----- SOURCE MATERIAL -----

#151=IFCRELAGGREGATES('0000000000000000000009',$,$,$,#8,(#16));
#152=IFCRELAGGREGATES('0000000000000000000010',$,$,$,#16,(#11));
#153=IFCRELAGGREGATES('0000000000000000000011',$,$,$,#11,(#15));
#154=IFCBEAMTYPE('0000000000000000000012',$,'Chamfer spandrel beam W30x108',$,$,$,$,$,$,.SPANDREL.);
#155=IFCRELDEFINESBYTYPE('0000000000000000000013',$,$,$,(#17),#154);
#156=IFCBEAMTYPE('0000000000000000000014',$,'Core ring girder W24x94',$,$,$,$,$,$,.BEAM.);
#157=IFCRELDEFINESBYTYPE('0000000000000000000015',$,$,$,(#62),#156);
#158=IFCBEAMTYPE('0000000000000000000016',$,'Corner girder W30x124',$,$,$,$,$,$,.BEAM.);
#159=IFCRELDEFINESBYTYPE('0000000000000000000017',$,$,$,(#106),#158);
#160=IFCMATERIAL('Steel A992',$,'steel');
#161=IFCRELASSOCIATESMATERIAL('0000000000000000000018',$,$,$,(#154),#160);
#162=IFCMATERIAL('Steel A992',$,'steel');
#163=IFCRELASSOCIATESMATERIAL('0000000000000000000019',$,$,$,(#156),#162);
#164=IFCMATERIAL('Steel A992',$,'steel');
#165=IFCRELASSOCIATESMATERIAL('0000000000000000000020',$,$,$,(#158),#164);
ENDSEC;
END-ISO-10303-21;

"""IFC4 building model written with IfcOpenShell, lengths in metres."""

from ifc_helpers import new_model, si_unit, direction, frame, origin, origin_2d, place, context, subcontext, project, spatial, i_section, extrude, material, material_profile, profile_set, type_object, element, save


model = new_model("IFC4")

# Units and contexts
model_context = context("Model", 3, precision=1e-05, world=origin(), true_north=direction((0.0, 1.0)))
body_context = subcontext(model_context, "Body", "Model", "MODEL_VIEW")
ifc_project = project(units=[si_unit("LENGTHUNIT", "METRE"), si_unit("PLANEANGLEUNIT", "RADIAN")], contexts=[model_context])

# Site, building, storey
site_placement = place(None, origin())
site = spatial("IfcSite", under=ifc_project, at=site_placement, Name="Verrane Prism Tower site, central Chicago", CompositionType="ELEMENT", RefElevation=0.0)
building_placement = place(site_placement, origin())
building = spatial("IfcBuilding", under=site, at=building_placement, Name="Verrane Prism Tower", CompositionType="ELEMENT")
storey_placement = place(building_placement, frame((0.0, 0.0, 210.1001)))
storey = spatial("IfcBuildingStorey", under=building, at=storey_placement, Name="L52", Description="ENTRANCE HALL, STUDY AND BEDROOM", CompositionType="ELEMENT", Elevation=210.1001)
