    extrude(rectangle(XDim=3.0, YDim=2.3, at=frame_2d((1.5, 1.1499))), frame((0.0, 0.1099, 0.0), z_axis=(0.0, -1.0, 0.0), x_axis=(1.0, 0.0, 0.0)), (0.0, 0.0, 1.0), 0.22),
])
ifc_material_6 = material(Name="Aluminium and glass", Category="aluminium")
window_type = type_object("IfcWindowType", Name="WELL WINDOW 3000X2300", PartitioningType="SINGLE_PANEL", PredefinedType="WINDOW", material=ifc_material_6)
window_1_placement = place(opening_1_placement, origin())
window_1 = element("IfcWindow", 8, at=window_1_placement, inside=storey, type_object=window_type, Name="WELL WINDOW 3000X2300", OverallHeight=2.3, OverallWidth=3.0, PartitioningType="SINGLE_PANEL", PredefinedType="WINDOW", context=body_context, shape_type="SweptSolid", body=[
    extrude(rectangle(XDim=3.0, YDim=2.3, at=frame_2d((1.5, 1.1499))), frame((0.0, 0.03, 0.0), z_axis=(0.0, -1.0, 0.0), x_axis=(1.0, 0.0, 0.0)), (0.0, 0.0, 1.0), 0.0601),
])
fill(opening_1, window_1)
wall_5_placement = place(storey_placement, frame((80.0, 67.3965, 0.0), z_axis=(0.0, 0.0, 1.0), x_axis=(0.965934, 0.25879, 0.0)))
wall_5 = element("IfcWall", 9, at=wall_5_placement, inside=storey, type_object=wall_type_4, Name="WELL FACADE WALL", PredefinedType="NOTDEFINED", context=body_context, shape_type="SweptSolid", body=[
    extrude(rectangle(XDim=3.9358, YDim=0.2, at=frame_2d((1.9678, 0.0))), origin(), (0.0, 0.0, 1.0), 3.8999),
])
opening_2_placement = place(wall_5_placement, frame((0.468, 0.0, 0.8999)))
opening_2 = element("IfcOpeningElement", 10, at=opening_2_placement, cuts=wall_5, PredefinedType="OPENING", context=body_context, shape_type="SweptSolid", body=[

-----
----- SOURCE MATERIAL -----

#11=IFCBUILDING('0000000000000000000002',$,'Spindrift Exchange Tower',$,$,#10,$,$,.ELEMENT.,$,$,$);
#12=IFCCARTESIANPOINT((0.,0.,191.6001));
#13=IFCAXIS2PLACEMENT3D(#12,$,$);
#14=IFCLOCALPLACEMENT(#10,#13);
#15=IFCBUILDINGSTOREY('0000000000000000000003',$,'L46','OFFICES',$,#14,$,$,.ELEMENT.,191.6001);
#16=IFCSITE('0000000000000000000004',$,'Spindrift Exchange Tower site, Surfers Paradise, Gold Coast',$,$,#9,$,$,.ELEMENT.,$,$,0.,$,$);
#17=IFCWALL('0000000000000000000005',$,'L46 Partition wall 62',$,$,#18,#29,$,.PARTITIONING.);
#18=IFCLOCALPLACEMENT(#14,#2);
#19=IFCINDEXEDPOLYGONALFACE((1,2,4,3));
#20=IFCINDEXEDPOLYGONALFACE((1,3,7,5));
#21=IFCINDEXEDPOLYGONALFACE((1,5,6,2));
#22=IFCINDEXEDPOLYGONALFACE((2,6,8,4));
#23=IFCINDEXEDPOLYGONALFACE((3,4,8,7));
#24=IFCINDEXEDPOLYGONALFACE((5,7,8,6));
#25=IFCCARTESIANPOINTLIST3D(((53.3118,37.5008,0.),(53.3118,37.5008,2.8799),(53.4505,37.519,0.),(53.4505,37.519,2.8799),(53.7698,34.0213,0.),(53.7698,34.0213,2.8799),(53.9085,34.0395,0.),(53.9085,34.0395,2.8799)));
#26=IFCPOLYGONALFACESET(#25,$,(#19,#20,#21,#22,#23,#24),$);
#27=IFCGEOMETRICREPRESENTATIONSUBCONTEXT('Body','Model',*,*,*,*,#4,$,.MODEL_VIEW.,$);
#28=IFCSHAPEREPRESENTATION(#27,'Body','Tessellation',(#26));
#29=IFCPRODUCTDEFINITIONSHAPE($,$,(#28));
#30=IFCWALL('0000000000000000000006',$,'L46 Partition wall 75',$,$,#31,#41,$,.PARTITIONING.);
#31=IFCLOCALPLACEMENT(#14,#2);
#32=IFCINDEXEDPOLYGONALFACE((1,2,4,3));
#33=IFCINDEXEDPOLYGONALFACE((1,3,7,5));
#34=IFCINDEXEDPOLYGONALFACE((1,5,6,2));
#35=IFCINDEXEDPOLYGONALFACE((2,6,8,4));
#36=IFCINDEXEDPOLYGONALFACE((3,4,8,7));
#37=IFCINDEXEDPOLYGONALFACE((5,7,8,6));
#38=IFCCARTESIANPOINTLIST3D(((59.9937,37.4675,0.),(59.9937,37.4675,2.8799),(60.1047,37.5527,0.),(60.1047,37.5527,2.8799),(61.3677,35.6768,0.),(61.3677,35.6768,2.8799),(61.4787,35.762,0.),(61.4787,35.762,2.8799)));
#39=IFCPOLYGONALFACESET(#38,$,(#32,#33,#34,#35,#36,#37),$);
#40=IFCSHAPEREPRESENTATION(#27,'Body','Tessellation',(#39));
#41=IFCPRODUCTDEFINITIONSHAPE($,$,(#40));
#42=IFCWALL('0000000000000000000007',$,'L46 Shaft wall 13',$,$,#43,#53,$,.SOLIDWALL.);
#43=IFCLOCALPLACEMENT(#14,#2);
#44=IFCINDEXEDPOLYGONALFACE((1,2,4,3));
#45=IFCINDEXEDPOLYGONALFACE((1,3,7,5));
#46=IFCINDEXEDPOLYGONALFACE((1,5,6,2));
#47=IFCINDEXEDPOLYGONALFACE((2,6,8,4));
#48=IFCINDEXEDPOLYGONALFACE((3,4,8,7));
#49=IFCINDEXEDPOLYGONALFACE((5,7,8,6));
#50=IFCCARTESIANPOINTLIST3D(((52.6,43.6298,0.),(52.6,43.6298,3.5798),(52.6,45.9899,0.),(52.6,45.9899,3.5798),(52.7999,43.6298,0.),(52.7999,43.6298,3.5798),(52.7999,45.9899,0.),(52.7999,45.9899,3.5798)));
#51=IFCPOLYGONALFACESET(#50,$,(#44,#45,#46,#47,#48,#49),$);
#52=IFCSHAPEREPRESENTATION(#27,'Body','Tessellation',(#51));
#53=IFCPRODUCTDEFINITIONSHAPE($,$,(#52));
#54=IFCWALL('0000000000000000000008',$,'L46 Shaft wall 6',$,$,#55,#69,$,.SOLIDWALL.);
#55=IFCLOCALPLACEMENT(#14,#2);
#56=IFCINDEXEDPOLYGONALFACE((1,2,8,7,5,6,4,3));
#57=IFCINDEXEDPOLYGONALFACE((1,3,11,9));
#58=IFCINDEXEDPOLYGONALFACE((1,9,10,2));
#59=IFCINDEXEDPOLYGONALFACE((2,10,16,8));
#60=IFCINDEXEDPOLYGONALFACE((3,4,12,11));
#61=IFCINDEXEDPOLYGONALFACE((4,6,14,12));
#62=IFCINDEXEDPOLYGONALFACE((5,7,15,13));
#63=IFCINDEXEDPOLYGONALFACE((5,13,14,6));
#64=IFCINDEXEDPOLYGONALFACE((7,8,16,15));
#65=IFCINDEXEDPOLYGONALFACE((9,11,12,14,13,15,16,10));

-----

AIM OF THE TASK: If a line in the data above contains "contexts", return that line.

SOLUTION TO THIS PROBLEM:
# Units and contexts
ifc_project = project(units=[si_unit("LENGTHUNIT", "METRE"), si_unit("PLANEANGLEUNIT", "RADIAN")], contexts=[model_context])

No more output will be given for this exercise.